Collected data entries –
+++++

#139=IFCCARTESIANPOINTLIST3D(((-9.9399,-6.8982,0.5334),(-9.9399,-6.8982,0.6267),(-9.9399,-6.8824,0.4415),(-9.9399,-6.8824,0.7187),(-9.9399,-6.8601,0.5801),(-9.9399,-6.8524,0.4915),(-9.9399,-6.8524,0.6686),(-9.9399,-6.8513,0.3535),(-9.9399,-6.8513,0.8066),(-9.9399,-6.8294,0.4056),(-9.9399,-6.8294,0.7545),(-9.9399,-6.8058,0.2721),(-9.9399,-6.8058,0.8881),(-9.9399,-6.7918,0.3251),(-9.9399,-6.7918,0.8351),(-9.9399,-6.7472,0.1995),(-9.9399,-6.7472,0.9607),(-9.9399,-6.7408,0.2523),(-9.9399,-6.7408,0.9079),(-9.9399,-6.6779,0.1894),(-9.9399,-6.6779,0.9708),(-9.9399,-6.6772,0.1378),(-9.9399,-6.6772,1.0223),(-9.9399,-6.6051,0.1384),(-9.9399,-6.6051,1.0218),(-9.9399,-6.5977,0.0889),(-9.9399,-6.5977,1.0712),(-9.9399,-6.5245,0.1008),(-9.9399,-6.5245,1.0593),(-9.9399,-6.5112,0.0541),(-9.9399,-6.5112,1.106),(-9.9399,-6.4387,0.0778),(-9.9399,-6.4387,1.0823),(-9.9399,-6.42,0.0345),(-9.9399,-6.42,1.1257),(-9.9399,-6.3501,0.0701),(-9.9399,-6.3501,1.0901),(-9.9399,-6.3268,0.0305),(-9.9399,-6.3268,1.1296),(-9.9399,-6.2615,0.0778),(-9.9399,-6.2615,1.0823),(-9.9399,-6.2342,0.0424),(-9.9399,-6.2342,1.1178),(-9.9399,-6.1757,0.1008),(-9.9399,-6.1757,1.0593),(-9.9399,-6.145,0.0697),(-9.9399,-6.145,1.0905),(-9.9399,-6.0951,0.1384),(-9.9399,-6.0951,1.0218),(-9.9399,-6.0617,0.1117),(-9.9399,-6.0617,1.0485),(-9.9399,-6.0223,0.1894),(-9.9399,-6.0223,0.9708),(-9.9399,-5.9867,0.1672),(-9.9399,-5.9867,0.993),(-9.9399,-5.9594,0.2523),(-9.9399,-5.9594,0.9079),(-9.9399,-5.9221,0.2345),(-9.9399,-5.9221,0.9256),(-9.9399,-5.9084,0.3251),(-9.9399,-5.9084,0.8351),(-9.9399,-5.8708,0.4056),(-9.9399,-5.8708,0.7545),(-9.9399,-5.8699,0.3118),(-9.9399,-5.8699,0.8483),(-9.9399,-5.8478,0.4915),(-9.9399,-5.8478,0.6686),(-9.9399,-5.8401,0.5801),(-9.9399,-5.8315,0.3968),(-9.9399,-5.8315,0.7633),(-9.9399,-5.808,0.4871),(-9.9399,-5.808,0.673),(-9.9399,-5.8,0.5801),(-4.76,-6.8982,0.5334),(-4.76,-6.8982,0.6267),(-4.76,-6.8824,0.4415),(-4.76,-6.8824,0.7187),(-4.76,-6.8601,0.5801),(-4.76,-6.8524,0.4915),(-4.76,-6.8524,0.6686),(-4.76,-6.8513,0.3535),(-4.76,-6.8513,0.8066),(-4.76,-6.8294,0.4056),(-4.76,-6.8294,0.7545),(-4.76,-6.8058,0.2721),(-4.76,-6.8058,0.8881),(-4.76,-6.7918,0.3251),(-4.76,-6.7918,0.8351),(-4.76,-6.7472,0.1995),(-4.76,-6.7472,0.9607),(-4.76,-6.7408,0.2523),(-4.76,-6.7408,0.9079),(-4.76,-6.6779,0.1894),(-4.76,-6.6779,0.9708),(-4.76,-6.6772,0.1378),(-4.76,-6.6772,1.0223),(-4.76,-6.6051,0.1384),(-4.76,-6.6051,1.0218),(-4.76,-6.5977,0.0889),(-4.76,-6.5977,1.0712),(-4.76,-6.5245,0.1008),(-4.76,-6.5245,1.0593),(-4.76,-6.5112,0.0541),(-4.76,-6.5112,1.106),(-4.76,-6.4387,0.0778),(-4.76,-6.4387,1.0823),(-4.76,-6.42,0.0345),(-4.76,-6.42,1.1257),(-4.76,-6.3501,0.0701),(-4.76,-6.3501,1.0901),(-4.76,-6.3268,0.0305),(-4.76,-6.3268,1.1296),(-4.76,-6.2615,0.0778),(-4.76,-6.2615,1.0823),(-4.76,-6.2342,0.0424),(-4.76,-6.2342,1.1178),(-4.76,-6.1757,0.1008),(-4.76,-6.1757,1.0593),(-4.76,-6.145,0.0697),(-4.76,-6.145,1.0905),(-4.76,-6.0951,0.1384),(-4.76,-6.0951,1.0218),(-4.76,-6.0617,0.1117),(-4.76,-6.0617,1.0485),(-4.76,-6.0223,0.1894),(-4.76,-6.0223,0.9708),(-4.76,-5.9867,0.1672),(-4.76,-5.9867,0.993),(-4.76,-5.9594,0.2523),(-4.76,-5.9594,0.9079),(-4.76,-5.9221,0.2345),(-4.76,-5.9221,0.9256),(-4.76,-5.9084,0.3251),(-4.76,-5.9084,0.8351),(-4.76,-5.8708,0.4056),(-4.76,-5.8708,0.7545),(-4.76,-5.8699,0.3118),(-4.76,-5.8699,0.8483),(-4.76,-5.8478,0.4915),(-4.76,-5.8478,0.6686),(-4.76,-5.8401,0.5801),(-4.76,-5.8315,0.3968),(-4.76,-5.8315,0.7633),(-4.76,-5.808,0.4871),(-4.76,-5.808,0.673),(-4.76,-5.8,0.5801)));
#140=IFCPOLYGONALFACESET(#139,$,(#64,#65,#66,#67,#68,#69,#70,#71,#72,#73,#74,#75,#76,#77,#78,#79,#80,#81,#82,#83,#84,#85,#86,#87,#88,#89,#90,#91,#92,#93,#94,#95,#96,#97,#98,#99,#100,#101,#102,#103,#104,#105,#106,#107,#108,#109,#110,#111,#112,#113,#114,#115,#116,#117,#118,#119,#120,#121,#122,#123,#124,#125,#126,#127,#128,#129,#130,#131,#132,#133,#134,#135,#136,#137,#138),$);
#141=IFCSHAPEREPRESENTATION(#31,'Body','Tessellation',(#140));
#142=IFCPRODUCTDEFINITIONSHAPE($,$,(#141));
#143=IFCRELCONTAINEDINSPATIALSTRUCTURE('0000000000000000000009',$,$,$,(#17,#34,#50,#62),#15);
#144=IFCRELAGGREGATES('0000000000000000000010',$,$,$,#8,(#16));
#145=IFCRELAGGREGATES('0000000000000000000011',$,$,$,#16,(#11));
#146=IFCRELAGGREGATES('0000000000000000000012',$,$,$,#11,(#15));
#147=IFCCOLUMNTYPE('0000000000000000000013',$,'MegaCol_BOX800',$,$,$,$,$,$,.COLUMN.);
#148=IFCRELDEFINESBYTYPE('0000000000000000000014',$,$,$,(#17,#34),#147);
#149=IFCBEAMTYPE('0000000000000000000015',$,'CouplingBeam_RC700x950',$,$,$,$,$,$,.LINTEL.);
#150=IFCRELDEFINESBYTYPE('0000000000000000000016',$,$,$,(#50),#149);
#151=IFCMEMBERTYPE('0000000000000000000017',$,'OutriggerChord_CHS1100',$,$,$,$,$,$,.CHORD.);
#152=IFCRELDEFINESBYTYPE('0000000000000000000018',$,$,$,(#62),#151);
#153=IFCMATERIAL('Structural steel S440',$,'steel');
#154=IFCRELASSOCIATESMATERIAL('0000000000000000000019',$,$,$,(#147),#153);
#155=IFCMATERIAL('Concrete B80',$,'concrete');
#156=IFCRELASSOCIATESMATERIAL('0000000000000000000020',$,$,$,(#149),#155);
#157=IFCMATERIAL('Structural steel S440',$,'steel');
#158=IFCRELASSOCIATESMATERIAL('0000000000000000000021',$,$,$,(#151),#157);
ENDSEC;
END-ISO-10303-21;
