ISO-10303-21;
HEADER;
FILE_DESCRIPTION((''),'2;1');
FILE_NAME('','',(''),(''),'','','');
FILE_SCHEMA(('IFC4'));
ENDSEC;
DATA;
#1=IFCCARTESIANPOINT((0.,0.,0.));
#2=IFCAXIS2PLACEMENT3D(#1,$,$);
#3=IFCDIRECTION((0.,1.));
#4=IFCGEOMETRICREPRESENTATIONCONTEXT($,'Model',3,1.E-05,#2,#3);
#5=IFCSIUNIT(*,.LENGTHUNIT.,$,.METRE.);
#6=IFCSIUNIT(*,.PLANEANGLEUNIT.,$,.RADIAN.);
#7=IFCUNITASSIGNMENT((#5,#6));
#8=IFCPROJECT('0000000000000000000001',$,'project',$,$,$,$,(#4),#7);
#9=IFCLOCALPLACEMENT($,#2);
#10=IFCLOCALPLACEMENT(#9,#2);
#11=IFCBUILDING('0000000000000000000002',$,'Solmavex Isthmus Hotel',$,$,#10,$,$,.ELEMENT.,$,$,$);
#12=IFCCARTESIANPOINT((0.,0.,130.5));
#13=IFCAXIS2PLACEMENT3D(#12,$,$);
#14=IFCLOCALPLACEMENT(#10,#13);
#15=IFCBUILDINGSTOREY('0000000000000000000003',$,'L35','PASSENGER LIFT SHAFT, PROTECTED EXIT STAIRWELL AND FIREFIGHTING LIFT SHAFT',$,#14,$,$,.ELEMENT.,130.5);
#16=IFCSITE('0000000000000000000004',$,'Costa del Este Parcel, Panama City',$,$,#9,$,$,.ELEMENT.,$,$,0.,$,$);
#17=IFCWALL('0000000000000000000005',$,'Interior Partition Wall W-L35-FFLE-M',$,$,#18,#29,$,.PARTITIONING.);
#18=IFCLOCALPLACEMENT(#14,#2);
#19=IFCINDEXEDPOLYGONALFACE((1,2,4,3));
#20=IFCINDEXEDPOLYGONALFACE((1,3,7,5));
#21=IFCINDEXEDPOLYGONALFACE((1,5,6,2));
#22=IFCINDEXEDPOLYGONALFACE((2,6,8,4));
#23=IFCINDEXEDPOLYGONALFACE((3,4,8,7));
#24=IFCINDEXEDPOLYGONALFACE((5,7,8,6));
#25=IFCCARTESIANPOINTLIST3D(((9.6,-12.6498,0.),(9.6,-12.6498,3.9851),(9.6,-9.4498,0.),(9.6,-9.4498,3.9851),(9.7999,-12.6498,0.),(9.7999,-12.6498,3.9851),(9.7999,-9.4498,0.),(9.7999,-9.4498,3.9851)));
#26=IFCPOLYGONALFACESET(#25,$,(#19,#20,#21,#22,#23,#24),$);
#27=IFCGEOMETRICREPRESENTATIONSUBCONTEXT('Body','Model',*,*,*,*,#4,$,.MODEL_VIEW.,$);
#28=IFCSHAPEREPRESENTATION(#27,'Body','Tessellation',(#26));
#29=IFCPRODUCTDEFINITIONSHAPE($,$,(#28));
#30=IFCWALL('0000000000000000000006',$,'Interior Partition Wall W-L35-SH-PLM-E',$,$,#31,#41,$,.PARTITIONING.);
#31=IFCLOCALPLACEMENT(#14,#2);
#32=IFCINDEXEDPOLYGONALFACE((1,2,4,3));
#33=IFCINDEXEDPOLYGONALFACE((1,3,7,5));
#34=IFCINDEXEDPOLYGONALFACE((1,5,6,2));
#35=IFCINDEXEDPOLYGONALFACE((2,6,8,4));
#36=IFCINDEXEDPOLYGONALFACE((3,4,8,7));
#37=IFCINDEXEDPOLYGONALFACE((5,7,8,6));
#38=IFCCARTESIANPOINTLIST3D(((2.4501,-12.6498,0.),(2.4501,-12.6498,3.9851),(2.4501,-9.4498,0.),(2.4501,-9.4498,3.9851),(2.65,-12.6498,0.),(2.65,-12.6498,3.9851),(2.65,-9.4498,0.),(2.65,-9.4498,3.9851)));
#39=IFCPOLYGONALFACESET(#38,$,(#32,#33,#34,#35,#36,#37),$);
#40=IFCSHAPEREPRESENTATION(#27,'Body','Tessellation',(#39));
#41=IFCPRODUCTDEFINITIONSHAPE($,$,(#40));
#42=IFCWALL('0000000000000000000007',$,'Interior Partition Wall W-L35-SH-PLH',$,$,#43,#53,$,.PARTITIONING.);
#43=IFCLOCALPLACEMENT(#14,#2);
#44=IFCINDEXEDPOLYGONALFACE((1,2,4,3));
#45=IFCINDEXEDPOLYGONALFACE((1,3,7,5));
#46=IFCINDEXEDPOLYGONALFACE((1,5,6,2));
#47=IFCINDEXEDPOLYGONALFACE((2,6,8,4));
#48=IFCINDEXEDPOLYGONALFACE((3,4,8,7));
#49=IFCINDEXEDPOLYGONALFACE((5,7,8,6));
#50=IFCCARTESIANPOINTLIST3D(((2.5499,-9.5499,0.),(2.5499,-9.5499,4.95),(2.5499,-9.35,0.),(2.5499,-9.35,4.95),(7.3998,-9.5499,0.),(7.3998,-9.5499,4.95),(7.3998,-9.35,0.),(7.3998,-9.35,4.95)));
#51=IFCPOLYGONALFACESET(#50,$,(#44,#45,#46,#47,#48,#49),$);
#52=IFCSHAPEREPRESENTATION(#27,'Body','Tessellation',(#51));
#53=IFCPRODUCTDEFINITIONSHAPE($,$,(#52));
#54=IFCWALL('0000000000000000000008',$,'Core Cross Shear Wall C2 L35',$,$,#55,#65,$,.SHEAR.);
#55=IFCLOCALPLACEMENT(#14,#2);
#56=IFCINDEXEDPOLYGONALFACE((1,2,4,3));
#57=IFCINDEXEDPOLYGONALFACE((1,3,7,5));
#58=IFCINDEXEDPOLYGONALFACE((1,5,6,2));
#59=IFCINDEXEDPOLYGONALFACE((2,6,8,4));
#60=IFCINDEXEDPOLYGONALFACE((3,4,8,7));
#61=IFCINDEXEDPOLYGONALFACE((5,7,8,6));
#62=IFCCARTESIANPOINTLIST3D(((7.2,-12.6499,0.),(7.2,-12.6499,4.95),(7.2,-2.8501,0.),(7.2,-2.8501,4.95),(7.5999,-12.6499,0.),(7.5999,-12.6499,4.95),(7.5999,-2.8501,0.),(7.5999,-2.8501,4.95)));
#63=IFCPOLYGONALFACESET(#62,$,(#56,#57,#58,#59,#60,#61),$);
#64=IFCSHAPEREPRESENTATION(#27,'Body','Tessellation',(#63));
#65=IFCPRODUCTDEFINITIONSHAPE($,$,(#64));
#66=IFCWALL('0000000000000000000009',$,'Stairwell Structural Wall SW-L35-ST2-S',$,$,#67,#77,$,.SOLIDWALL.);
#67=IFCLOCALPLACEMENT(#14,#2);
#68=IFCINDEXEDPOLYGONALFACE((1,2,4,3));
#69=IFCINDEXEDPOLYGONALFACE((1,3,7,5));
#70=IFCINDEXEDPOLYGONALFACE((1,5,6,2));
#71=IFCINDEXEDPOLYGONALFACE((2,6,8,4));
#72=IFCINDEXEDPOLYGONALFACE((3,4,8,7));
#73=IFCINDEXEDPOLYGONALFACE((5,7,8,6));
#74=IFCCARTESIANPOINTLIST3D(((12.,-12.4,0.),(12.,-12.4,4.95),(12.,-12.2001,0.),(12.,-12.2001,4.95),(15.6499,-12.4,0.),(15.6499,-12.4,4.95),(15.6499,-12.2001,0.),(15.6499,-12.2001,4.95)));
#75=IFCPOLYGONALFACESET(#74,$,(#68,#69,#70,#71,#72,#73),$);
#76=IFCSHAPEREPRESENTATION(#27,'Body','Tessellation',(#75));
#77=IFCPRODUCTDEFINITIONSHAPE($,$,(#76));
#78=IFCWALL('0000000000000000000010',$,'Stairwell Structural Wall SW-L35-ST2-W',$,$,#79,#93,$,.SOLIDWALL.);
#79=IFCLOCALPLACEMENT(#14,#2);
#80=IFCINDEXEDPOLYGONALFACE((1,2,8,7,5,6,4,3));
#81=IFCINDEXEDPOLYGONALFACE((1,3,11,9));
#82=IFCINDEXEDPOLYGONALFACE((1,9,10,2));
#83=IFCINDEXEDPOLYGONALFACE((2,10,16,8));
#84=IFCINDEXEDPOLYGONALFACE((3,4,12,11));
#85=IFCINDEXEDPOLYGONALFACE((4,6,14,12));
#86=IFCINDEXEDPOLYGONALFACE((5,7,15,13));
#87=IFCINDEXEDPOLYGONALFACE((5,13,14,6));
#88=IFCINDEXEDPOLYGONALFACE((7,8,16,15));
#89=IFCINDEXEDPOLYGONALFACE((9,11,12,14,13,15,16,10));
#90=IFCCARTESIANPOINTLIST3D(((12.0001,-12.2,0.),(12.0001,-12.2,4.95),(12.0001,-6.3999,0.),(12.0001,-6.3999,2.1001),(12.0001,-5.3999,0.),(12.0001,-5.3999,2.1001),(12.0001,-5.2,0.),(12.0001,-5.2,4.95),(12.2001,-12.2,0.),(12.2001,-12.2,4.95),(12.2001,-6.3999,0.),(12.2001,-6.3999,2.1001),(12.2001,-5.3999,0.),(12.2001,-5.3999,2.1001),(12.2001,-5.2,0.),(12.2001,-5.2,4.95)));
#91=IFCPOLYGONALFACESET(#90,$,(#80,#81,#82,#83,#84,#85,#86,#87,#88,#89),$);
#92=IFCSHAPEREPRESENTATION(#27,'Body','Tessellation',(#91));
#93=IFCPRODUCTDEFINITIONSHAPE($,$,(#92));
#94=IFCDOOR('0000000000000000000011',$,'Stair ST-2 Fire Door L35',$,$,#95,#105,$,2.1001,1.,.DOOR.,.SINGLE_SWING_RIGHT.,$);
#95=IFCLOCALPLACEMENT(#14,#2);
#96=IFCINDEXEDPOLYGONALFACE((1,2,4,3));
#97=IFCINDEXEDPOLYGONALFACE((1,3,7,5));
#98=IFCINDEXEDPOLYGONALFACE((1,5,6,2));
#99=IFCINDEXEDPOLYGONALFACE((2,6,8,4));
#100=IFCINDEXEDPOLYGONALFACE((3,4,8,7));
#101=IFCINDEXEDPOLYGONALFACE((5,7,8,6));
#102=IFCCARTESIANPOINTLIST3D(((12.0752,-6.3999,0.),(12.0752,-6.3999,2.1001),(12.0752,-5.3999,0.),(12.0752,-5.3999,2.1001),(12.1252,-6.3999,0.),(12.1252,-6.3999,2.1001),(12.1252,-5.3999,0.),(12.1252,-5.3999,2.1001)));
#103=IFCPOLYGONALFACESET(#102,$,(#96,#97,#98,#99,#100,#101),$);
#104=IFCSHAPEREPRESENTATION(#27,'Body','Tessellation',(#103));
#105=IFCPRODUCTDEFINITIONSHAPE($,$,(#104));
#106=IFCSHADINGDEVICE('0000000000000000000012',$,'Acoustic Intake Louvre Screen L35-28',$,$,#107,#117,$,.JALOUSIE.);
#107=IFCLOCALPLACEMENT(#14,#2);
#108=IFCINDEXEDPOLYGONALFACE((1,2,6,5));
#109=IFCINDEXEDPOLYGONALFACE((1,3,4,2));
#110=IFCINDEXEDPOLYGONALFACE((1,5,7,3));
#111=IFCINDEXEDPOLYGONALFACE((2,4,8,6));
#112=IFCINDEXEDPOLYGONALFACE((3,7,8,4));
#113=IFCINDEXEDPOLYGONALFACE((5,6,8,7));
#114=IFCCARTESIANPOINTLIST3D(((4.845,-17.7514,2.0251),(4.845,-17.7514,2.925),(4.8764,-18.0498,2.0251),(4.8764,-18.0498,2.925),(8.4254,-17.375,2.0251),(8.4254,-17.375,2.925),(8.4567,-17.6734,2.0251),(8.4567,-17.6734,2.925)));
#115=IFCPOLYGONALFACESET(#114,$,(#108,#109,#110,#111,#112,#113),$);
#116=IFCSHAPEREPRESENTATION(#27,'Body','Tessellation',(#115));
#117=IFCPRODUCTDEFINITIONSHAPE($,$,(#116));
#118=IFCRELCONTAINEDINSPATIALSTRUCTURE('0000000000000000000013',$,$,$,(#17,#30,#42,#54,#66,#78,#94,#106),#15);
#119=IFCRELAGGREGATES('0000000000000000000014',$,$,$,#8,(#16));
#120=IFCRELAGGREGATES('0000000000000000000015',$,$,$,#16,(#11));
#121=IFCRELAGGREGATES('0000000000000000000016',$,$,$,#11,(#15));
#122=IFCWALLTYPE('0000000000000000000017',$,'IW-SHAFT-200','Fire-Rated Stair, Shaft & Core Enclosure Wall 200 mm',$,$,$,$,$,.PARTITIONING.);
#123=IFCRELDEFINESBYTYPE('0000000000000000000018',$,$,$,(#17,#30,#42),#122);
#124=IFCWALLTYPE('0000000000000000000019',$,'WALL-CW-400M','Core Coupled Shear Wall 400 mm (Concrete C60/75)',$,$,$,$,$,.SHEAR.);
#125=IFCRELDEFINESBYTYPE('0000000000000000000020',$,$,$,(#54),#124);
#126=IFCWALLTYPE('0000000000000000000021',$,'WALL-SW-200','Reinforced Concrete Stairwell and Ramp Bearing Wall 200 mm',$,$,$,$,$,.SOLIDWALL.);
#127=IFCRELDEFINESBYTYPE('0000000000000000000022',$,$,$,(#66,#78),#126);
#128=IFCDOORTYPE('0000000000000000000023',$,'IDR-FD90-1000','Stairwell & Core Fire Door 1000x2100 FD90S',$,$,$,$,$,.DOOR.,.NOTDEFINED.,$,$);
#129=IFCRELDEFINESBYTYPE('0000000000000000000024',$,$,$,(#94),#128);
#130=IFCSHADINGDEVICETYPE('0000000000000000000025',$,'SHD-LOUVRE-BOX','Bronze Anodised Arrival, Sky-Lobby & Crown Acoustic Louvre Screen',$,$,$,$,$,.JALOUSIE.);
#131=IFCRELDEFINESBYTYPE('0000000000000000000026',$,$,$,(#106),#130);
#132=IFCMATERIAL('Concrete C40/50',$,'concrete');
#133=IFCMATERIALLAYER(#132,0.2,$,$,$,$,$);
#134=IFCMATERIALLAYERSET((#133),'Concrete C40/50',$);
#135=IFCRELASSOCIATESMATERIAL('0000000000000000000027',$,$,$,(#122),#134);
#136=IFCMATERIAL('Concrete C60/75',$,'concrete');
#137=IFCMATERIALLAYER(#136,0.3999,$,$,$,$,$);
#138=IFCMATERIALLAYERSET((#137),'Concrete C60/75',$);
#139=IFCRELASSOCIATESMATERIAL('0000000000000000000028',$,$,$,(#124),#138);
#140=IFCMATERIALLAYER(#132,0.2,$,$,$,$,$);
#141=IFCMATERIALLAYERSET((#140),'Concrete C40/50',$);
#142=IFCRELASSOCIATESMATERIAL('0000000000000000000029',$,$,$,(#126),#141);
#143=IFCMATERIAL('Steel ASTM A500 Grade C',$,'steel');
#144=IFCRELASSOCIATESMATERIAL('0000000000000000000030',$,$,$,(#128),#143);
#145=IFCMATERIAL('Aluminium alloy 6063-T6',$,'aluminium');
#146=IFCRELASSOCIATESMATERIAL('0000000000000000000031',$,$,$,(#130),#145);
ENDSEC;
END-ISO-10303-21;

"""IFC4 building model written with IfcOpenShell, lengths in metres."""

from ifc_helpers import new_model, si_unit, direction, frame, frame_2d, origin, origin_2d, place, context, subcontext, project, spatial, rectangle, extrude, material, layer, layer_set, type_object, element, fill, save


model = new_model("IFC4")

# Units and contexts
model_context = context("Model", 3, precision=1e-05, world=origin(), true_north=direction((0.0, 1.0)))
body_context = subcontext(model_context, "Body", "Model", "MODEL_VIEW")
ifc_project = project(units=[si_unit("LENGTHUNIT", "METRE"), si_unit("PLANEANGLEUNIT", "RADIAN")], contexts=[model_context])

# Site, building, storey
site_placement = place(None, origin())
site = spatial("IfcSite", under=ifc_project, at=site_placement, Name="Costa del Este Parcel, Panama City", CompositionType="ELEMENT", RefElevation=0.0)
building_placement = place(site_placement, origin())
building = spatial("IfcBuilding", under=site, at=building_placement, Name="Solmavex Isthmus Hotel", CompositionType="ELEMENT")
storey_placement = place(building_placement, frame((0.0, 0.0, 130.5)))
storey = spatial("IfcBuildingStorey", under=building, at=storey_placement, Name="L35", Description="PASSENGER LIFT SHAFT, PROTECTED EXIT STAIRWELL AND FIREFIGHTING LIFT SHAFT", CompositionType="ELEMENT", Elevation=130.5)

# Shared definitions
ifc_material_1 = material(Name="Concrete C60/75", Category="concrete")

# Shared definitions
ifc_material_2 = material(Name="Steel ASTM A500 Grade C", Category="steel")

# Shared definitions
ifc_material_3 = material(Name="Concrete C40/50", Category="concrete")

# Shared definitions
ifc_layer_1 = layer(ifc_material_3, 0.2)
ifc_layer_set_1 = layer_set([ifc_layer_1], Name="Concrete C40/50")
wall_type_1 = type_object("IfcWallType", Name="IW-SHAFT-200", Description="Fire-Rated Stair, Shaft & Core Enclosure Wall 200 mm", PredefinedType="PARTITIONING", material=ifc_layer_set_1)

+++++

Your answer should be a single number: the tally of lines in the entries that include the word "IFCLOCALPLACEMENT".

Solution –
11